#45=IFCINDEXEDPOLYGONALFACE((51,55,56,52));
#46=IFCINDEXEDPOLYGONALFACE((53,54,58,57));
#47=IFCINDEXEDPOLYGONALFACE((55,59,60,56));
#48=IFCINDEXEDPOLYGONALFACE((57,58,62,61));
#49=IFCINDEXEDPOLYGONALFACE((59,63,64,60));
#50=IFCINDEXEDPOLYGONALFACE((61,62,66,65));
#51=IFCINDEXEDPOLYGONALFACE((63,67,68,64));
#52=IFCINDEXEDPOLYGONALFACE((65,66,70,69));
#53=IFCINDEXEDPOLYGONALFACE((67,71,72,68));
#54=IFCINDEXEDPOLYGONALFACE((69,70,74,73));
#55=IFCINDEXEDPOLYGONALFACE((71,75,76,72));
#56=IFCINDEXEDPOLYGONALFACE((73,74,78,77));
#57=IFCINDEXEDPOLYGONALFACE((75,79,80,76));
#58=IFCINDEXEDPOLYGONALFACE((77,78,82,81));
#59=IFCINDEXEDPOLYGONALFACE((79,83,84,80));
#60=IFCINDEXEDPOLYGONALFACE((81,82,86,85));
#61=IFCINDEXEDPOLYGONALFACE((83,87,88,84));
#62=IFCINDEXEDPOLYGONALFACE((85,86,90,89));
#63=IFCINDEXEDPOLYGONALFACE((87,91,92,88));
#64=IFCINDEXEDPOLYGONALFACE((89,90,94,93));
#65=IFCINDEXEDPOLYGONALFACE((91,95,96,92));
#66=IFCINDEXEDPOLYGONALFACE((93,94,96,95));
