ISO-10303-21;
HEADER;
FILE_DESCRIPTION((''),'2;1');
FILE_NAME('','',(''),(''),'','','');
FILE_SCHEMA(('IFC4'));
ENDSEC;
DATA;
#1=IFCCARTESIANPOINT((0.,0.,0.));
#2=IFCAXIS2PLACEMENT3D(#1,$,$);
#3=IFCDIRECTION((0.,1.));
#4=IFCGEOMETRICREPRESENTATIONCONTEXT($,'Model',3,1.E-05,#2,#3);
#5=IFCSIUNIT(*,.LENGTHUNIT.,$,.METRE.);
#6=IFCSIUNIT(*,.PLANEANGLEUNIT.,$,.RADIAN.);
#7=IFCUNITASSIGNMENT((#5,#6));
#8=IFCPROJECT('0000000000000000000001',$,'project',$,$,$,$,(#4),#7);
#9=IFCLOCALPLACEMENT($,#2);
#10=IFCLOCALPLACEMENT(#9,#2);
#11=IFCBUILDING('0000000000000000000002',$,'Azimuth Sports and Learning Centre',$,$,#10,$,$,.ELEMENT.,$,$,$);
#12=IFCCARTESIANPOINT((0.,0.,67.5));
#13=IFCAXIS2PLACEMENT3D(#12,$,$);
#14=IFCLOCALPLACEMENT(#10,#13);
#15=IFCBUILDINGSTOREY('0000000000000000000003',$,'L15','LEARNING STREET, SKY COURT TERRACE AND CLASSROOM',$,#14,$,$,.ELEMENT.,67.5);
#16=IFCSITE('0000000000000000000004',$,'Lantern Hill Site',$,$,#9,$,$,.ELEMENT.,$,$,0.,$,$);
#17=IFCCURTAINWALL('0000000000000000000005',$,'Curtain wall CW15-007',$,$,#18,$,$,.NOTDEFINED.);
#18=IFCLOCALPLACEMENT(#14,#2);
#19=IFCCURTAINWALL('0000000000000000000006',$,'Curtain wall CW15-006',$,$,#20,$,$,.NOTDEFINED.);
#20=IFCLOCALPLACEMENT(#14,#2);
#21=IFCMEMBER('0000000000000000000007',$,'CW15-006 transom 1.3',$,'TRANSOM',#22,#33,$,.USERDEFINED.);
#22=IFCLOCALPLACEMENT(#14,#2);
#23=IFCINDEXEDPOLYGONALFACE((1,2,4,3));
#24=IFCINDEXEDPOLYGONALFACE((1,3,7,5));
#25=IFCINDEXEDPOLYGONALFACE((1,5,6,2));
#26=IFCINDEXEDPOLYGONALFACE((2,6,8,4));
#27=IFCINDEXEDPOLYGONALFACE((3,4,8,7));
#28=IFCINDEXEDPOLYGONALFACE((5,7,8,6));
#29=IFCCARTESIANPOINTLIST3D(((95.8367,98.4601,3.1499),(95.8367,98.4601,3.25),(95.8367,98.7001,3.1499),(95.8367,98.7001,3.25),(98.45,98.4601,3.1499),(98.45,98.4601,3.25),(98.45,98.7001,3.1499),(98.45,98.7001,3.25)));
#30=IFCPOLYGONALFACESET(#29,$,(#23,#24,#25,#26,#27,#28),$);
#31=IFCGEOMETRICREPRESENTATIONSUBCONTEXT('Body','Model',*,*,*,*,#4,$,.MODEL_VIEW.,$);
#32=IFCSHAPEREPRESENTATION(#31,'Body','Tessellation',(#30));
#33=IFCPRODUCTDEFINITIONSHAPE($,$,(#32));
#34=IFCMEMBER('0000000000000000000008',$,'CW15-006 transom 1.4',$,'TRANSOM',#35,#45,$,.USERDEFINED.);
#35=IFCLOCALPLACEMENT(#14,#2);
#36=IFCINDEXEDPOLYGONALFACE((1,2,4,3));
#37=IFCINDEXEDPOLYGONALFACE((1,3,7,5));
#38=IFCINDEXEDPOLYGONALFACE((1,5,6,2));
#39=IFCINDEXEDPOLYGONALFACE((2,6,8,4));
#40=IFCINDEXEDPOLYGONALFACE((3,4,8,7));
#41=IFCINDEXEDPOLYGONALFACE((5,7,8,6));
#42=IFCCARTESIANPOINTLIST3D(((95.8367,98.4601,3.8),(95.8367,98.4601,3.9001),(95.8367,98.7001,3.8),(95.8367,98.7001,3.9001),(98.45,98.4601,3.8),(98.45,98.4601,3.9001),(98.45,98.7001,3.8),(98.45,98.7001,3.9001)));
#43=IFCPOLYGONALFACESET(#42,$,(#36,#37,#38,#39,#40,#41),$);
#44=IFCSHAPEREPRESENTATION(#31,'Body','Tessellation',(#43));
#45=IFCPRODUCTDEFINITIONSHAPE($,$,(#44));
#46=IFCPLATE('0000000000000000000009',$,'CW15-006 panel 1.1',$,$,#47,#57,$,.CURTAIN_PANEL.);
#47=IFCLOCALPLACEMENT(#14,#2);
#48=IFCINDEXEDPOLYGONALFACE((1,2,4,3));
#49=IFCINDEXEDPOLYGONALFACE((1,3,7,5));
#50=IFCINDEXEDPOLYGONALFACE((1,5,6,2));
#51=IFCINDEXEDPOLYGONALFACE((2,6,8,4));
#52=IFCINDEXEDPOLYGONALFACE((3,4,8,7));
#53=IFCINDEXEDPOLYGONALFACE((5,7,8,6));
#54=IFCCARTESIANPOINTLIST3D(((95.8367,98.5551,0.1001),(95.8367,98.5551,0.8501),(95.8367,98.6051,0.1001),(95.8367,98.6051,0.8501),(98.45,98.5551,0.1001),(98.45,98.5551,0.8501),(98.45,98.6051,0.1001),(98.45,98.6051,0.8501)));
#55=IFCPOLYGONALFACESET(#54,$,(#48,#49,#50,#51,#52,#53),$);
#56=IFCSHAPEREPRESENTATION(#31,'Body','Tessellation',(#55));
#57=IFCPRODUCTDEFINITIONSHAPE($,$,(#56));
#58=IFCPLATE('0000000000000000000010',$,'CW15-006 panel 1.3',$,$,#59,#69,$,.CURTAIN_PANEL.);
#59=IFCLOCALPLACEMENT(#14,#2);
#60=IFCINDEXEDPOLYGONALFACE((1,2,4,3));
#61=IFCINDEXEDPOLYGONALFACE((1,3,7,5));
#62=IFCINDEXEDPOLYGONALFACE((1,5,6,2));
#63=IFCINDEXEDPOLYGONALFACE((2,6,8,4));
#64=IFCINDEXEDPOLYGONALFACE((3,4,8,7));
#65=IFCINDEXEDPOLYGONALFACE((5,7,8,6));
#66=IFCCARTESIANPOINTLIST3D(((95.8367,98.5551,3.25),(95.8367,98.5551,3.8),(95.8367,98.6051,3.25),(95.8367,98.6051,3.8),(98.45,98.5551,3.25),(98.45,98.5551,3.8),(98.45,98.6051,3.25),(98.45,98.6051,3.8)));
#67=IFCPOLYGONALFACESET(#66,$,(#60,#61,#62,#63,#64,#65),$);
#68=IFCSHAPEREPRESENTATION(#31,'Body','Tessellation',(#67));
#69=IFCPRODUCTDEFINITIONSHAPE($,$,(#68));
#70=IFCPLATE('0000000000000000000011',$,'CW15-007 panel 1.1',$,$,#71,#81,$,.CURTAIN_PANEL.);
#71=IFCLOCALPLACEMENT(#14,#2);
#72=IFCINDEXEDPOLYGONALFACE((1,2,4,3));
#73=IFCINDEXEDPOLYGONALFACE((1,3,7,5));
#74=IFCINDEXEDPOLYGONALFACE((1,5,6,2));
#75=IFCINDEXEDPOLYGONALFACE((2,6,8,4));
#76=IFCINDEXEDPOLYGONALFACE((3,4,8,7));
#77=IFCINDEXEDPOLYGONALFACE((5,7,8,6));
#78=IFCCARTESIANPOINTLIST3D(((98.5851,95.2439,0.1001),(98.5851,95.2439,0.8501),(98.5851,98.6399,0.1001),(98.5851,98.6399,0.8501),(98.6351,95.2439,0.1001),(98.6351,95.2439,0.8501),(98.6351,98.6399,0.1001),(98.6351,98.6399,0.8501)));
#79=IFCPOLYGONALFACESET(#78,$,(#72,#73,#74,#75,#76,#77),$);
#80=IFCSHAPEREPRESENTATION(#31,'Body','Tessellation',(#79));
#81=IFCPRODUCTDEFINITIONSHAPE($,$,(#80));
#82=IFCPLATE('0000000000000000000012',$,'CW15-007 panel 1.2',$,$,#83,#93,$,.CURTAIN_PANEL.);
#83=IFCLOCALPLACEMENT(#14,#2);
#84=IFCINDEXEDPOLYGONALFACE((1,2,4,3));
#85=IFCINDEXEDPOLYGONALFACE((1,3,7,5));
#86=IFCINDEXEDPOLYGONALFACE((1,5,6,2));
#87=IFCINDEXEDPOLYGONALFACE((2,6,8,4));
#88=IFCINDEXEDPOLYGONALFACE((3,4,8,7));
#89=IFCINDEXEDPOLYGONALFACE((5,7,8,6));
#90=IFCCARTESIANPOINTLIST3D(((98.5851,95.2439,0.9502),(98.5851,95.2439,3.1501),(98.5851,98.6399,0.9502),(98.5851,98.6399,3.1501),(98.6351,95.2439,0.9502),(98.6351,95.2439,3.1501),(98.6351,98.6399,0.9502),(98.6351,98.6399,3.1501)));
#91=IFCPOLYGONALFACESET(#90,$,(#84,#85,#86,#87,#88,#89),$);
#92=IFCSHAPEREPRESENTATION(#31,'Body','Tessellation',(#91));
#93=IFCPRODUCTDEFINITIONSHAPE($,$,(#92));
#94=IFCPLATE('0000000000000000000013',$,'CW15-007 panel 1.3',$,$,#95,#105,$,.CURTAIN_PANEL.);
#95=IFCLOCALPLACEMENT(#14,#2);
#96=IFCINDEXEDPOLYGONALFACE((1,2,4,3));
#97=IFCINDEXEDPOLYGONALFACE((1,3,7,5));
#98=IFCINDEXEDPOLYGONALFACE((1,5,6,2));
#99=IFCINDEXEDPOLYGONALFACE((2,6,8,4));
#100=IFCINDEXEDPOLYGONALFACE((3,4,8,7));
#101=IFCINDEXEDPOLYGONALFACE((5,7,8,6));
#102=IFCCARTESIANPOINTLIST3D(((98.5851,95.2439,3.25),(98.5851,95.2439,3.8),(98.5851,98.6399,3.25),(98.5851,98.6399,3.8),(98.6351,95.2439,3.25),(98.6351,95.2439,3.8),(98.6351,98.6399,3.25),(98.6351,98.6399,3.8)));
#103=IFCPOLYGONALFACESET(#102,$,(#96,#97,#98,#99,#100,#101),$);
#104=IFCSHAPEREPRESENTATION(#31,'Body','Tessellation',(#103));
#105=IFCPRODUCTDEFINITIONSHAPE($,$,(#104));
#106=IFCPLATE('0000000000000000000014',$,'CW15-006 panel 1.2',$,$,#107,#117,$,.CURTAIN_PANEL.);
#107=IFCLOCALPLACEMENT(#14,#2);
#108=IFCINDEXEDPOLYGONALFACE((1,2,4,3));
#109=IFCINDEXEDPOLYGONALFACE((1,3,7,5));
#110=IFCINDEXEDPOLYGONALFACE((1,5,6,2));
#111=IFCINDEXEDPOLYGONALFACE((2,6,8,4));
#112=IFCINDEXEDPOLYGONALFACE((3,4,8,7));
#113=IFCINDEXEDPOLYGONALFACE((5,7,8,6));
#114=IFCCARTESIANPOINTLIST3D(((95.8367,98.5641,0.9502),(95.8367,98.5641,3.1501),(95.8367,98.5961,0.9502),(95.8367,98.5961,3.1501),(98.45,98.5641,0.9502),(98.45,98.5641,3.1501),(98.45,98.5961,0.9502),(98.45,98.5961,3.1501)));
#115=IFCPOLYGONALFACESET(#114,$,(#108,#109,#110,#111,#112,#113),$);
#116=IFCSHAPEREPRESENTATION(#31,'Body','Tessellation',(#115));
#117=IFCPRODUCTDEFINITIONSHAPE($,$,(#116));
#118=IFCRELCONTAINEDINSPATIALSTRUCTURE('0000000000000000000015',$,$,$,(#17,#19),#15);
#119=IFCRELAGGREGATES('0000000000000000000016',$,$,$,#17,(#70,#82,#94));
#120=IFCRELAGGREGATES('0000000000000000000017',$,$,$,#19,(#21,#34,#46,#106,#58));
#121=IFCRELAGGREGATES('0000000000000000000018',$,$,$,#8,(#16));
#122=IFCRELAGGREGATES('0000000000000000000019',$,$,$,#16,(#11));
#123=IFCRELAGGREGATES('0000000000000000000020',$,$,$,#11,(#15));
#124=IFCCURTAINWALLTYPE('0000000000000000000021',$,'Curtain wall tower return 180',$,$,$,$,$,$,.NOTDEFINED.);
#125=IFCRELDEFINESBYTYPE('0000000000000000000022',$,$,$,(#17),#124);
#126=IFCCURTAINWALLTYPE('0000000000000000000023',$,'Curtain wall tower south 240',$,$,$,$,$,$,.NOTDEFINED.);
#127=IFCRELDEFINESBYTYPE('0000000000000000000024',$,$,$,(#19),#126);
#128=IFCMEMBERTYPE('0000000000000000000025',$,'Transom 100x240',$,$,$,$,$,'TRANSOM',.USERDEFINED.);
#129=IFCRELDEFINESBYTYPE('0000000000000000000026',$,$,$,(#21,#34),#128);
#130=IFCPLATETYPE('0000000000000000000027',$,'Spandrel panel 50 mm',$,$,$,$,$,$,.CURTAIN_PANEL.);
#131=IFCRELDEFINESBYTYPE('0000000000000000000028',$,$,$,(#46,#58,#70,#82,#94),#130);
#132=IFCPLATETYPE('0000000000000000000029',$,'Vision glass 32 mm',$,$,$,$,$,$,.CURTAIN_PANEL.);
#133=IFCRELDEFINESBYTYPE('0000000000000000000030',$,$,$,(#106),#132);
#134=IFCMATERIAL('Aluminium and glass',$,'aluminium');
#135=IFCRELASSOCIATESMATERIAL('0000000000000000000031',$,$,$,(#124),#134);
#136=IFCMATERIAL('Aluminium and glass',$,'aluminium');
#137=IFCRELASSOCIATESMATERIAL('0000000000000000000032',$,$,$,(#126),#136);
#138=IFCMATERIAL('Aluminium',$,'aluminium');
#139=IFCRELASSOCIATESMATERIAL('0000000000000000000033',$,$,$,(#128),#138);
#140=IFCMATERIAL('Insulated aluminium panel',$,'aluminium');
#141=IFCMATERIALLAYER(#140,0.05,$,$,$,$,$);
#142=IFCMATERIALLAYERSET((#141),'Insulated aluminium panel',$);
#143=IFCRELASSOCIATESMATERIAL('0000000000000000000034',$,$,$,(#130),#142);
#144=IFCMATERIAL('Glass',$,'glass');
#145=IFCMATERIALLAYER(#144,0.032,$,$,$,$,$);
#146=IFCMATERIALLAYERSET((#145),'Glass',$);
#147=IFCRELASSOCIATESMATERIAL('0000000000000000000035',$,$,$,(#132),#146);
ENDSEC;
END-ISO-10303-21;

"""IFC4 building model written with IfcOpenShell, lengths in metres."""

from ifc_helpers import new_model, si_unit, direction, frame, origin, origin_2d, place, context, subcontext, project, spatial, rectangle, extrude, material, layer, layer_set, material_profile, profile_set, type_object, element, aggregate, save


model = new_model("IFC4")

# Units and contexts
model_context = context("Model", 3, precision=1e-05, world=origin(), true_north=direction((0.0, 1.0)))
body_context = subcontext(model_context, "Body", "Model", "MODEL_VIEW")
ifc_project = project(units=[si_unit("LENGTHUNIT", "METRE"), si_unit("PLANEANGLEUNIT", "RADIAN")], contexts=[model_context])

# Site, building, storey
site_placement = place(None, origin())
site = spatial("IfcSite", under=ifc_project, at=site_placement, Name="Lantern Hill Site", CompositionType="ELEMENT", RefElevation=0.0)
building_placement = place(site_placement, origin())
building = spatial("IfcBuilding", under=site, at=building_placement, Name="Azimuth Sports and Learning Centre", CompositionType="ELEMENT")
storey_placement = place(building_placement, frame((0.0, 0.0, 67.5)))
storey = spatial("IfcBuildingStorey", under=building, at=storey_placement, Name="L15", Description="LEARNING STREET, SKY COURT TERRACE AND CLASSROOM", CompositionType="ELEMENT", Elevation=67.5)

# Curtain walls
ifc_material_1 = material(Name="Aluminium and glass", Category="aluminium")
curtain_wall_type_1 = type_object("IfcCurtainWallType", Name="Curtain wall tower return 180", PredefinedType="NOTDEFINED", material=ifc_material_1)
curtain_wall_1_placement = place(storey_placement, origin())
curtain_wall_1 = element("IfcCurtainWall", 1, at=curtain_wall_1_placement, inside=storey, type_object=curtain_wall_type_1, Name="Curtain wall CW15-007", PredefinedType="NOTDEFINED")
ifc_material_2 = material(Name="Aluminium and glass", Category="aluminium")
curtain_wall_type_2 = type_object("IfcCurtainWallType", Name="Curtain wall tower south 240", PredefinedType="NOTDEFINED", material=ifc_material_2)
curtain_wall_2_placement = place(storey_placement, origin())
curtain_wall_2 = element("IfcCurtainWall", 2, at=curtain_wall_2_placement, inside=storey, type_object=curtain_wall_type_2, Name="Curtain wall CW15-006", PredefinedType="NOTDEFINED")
-------
● **Directions**:
Working from the data above, extract solely the lines from the one containing "#55=IFCPOLYGONALFACESET(#54,$,(#48,#49,#50,#51,#52,#53),$);" through the one containing "#65=IFCINDEXEDPOLYGONALFACE((5,7,8,6));", exactly as they appear, both included.

● **Completed exercise**:
#55=IFCPOLYGONALFACESET(#54,$,(#48,#49,#50,#51,#52,#53),$);
#56=IFCSHAPEREPRESENTATION(#31,'Body','Tessellation',(#55));
#57=IFCPRODUCTDEFINITIONSHAPE($,$,(#56));
#58=IFCPLATE('0000000000000000000010',$,'CW15-006 panel 1.3',$,$,#59,#69,$,.CURTAIN_PANEL.);
#59=IFCLOCALPLACEMENT(#14,#2);
#60=IFCINDEXEDPOLYGONALFACE((1,2,4,3));
#61=IFCINDEXEDPOLYGONALFACE((1,3,7,5));
#62=IFCINDEXEDPOLYGONALFACE((1,5,6,2));
#63=IFCINDEXEDPOLYGONALFACE((2,6,8,4));
#64=IFCINDEXEDPOLYGONALFACE((3,4,8,7));
#65=IFCINDEXEDPOLYGONALFACE((5,7,8,6));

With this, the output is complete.